- _ASSIGNED TASK_
Find and copy each line of the records where the string "COLUMN" shows up.

- _RECORDS FOR THIS TASK_
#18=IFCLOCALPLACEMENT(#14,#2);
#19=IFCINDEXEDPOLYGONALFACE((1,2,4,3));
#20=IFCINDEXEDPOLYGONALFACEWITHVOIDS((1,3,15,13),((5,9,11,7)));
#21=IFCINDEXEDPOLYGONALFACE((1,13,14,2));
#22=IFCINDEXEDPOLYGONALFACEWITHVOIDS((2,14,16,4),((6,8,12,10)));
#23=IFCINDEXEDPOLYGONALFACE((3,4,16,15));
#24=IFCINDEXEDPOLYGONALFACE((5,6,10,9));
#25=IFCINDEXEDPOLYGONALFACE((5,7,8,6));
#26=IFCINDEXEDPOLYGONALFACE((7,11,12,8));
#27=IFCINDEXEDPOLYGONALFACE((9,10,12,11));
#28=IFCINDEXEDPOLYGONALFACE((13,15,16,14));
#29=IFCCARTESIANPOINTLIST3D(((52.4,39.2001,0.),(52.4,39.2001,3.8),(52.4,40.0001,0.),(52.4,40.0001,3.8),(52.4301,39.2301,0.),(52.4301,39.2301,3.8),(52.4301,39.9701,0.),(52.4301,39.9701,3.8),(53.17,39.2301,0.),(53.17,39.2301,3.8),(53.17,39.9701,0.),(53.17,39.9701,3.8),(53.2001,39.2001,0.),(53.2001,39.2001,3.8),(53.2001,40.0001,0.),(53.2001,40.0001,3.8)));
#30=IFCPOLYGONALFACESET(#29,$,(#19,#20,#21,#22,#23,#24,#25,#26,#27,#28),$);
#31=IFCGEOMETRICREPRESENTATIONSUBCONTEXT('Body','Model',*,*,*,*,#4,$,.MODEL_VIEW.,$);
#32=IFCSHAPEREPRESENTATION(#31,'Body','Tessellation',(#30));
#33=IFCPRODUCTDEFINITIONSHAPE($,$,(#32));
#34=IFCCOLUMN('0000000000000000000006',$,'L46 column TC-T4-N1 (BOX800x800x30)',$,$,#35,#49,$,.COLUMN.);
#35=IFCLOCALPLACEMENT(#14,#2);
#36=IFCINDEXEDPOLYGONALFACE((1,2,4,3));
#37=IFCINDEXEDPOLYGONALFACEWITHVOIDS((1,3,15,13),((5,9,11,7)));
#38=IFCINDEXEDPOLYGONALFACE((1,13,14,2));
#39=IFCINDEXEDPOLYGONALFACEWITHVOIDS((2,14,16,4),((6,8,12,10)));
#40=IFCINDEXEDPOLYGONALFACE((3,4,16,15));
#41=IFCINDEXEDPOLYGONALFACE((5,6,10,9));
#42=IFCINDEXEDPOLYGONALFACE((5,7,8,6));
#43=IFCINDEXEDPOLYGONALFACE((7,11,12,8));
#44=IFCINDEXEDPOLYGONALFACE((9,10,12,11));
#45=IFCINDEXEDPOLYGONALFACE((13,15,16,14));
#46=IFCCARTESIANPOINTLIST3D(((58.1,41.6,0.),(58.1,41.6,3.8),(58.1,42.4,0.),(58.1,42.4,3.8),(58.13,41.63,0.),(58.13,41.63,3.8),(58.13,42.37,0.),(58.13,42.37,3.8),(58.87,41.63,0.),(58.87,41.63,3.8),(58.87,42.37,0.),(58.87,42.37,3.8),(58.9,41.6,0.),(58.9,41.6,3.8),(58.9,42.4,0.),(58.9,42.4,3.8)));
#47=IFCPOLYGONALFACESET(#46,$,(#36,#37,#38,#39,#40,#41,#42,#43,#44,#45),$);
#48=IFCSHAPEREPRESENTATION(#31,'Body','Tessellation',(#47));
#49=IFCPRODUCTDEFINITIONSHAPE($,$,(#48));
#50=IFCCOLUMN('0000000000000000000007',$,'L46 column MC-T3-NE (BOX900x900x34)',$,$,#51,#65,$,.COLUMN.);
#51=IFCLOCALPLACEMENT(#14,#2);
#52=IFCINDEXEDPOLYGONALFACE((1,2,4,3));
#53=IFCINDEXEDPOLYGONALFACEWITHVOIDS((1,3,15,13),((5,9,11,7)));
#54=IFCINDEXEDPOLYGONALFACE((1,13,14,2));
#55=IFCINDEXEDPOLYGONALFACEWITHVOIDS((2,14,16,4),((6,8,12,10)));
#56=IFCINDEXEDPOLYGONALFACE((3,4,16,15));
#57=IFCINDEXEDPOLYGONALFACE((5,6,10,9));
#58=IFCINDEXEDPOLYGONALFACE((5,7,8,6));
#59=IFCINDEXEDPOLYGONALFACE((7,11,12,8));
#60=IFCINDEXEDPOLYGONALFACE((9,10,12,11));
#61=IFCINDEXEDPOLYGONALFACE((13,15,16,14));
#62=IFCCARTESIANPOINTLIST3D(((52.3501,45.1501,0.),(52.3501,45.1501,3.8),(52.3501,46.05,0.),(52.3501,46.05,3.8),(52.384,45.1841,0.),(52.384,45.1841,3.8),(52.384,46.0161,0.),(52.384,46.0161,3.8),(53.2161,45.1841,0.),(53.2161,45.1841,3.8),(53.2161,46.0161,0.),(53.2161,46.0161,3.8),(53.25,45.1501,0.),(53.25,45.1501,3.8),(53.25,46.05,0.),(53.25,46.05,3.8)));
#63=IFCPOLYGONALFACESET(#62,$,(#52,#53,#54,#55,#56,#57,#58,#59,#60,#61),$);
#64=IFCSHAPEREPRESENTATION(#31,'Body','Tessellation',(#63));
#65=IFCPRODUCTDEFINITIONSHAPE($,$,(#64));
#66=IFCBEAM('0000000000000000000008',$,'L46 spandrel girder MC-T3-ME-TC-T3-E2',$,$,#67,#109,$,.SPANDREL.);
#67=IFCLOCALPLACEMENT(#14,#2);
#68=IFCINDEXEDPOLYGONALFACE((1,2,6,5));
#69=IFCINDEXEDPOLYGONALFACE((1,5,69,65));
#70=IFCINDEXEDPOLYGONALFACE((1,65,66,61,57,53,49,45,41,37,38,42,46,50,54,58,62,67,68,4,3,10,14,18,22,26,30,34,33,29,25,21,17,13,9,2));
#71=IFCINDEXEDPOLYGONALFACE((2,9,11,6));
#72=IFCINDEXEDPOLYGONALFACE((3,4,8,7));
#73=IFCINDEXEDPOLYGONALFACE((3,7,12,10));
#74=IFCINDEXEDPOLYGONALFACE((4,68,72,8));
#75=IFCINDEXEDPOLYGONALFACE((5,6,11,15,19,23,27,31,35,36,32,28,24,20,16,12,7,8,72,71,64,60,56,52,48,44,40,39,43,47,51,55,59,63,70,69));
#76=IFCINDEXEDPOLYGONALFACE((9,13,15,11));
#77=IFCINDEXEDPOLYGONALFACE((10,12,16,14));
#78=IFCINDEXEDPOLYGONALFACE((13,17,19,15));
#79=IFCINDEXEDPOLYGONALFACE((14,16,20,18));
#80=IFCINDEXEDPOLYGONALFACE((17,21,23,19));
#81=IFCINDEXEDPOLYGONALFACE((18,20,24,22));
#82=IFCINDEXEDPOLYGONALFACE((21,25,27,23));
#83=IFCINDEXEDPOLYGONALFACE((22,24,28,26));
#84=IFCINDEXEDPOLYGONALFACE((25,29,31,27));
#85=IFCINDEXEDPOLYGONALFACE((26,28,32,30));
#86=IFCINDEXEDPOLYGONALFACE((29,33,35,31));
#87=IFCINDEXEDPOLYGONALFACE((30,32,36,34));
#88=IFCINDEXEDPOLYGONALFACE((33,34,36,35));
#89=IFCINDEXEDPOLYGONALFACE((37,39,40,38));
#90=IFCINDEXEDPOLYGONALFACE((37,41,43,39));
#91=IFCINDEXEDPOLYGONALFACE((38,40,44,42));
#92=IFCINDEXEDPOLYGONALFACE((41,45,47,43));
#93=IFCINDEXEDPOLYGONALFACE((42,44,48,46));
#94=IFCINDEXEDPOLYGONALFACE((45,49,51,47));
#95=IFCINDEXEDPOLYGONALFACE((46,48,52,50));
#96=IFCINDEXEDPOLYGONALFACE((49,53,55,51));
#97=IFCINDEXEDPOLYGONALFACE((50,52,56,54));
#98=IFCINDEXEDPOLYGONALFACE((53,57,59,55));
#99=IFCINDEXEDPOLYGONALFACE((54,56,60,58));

- _EXERCISE RESPONSE_
#34=IFCCOLUMN('0000000000000000000006',$,'L46 column TC-T4-N1 (BOX800x800x30)',$,$,#35,#49,$,.COLUMN.);
#50=IFCCOLUMN('0000000000000000000007',$,'L46 column MC-T3-NE (BOX900x900x34)',$,$,#51,#65,$,.COLUMN.);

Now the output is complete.